▶ Prompt: The lines from the start of the records through the one containing "#32=IFCSHAPEREPRESENTATION(#31,'Body','Tessellation',(#30));" are to be restated word for word; please include both ends.

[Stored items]
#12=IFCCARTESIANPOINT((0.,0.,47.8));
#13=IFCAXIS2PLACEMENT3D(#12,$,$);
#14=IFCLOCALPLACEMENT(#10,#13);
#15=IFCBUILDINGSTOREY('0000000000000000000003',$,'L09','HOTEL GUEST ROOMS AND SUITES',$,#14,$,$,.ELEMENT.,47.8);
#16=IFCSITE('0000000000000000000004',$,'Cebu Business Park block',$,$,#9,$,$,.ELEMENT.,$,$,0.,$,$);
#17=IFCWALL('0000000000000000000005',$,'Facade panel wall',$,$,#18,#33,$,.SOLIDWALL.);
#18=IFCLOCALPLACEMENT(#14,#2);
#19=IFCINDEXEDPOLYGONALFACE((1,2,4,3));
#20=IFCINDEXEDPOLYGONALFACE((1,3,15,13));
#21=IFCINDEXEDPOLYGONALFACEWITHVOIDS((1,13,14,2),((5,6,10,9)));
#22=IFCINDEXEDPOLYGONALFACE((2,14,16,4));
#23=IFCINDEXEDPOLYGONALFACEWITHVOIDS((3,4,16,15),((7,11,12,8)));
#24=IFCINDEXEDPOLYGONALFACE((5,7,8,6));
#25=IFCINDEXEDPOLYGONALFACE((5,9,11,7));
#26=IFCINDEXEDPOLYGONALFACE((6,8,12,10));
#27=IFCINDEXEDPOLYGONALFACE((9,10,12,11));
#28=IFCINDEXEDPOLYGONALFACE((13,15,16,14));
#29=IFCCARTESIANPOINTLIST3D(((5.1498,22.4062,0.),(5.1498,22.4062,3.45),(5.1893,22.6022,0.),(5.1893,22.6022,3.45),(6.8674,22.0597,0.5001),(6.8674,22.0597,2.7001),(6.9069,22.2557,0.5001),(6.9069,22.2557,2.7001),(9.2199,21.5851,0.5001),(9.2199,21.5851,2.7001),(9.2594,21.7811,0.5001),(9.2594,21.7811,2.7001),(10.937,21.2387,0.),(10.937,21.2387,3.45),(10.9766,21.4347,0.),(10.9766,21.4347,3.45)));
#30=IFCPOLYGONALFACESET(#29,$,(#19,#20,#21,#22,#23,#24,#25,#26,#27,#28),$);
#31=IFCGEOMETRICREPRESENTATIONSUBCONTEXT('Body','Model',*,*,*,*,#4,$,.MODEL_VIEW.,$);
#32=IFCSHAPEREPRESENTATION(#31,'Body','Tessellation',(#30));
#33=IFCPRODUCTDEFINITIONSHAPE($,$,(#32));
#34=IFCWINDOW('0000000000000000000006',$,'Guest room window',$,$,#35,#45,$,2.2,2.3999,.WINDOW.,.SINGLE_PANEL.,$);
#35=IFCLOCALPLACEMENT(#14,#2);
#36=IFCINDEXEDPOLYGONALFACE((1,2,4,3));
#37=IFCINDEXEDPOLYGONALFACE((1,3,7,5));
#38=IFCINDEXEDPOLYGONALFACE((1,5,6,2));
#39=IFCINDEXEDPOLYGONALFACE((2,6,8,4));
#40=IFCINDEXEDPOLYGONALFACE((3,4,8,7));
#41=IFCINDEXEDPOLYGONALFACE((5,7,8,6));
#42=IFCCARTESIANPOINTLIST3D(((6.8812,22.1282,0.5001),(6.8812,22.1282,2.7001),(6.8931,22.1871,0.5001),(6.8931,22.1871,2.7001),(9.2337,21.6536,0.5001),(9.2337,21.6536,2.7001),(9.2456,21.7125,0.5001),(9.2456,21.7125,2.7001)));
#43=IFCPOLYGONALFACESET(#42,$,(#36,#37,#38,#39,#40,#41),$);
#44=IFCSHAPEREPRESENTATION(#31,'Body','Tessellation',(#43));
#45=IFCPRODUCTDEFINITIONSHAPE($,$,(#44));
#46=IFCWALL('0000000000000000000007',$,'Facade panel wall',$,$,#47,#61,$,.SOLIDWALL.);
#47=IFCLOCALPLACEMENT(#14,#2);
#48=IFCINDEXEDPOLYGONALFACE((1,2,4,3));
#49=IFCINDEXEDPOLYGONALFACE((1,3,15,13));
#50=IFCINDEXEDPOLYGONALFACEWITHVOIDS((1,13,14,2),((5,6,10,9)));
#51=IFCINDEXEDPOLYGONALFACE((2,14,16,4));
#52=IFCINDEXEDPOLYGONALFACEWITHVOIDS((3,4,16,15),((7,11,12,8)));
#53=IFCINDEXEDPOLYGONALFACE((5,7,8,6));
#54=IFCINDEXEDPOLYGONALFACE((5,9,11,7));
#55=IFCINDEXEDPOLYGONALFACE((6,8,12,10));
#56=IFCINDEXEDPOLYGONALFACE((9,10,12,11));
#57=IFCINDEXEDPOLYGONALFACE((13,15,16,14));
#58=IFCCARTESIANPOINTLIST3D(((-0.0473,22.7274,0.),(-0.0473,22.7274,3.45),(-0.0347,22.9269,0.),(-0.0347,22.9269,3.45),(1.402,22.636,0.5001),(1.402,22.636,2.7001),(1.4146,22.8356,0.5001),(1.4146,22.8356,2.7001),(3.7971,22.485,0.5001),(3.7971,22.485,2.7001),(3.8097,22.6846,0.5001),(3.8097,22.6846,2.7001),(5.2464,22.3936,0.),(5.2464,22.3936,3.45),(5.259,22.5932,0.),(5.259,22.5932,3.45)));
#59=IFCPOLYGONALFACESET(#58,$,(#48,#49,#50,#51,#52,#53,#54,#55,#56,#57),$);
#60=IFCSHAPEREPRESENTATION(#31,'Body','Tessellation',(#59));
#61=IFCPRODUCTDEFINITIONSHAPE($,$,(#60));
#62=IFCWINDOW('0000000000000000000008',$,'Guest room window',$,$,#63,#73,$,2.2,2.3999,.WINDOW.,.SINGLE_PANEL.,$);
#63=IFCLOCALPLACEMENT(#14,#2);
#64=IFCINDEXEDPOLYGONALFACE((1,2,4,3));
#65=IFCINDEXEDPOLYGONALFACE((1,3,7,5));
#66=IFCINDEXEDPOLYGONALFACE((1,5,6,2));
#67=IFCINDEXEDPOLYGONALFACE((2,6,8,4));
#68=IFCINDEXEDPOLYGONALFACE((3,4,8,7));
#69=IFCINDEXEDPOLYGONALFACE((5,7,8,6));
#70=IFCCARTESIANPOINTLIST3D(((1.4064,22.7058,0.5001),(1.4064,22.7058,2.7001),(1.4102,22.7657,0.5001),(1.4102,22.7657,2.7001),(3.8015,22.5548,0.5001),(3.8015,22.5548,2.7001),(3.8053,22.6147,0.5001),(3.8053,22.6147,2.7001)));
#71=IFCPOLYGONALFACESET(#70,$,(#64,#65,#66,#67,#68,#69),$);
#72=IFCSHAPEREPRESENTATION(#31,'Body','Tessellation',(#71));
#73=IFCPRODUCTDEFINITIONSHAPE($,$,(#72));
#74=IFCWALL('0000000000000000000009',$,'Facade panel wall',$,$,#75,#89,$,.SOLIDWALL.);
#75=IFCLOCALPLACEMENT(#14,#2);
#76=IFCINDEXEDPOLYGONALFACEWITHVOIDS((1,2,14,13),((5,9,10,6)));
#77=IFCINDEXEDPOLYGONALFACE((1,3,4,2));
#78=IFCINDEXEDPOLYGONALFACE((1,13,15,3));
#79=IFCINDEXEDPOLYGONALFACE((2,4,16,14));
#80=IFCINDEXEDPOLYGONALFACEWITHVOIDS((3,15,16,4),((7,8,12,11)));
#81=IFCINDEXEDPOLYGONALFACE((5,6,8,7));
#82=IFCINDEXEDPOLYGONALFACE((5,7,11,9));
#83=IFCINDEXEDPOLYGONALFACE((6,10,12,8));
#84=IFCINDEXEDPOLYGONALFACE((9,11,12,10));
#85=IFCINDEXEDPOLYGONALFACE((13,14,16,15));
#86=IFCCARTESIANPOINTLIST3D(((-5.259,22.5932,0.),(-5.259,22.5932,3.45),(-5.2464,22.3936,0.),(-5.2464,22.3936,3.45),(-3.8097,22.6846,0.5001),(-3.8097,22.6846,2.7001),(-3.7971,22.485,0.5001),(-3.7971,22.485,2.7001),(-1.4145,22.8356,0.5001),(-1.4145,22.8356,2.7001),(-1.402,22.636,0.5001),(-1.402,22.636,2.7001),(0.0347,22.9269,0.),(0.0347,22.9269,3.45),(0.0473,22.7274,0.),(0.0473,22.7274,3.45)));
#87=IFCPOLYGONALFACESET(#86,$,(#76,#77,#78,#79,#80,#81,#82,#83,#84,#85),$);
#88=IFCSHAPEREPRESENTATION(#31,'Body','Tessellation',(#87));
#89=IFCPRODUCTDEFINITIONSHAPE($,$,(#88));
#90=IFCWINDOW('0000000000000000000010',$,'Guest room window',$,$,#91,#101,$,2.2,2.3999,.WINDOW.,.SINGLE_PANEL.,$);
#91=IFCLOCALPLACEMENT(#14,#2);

▶ Solved exercise:
#12=IFCCARTESIANPOINT((0.,0.,47.8));
#13=IFCAXIS2PLACEMENT3D(#12,$,$);
#14=IFCLOCALPLACEMENT(#10,#13);
#15=IFCBUILDINGSTOREY('0000000000000000000003',$,'L09','HOTEL GUEST ROOMS AND SUITES',$,#14,$,$,.ELEMENT.,47.8);
#16=IFCSITE('0000000000000000000004',$,'Cebu Business Park block',$,$,#9,$,$,.ELEMENT.,$,$,0.,$,$);
#17=IFCWALL('0000000000000000000005',$,'Facade panel wall',$,$,#18,#33,$,.SOLIDWALL.);
#18=IFCLOCALPLACEMENT(#14,#2);
#19=IFCINDEXEDPOLYGONALFACE((1,2,4,3));
#20=IFCINDEXEDPOLYGONALFACE((1,3,15,13));
#21=IFCINDEXEDPOLYGONALFACEWITHVOIDS((1,13,14,2),((5,6,10,9)));
#22=IFCINDEXEDPOLYGONALFACE((2,14,16,4));
#23=IFCINDEXEDPOLYGONALFACEWITHVOIDS((3,4,16,15),((7,11,12,8)));
#24=IFCINDEXEDPOLYGONALFACE((5,7,8,6));
#25=IFCINDEXEDPOLYGONALFACE((5,9,11,7));
#26=IFCINDEXEDPOLYGONALFACE((6,8,12,10));
#27=IFCINDEXEDPOLYGONALFACE((9,10,12,11));
#28=IFCINDEXEDPOLYGONALFACE((13,15,16,14));
#29=IFCCARTESIANPOINTLIST3D(((5.1498,22.4062,0.),(5.1498,22.4062,3.45),(5.1893,22.6022,0.),(5.1893,22.6022,3.45),(6.8674,22.0597,0.5001),(6.8674,22.0597,2.7001),(6.9069,22.2557,0.5001),(6.9069,22.2557,2.7001),(9.2199,21.5851,0.5001),(9.2199,21.5851,2.7001),(9.2594,21.7811,0.5001),(9.2594,21.7811,2.7001),(10.937,21.2387,0.),(10.937,21.2387,3.45),(10.9766,21.4347,0.),(10.9766,21.4347,3.45)));
#30=IFCPOLYGONALFACESET(#29,$,(#19,#20,#21,#22,#23,#24,#25,#26,#27,#28),$);
#31=IFCGEOMETRICREPRESENTATIONSUBCONTEXT('Body','Model',*,*,*,*,#4,$,.MODEL_VIEW.,$);
#32=IFCSHAPEREPRESENTATION(#31,'Body','Tessellation',(#30));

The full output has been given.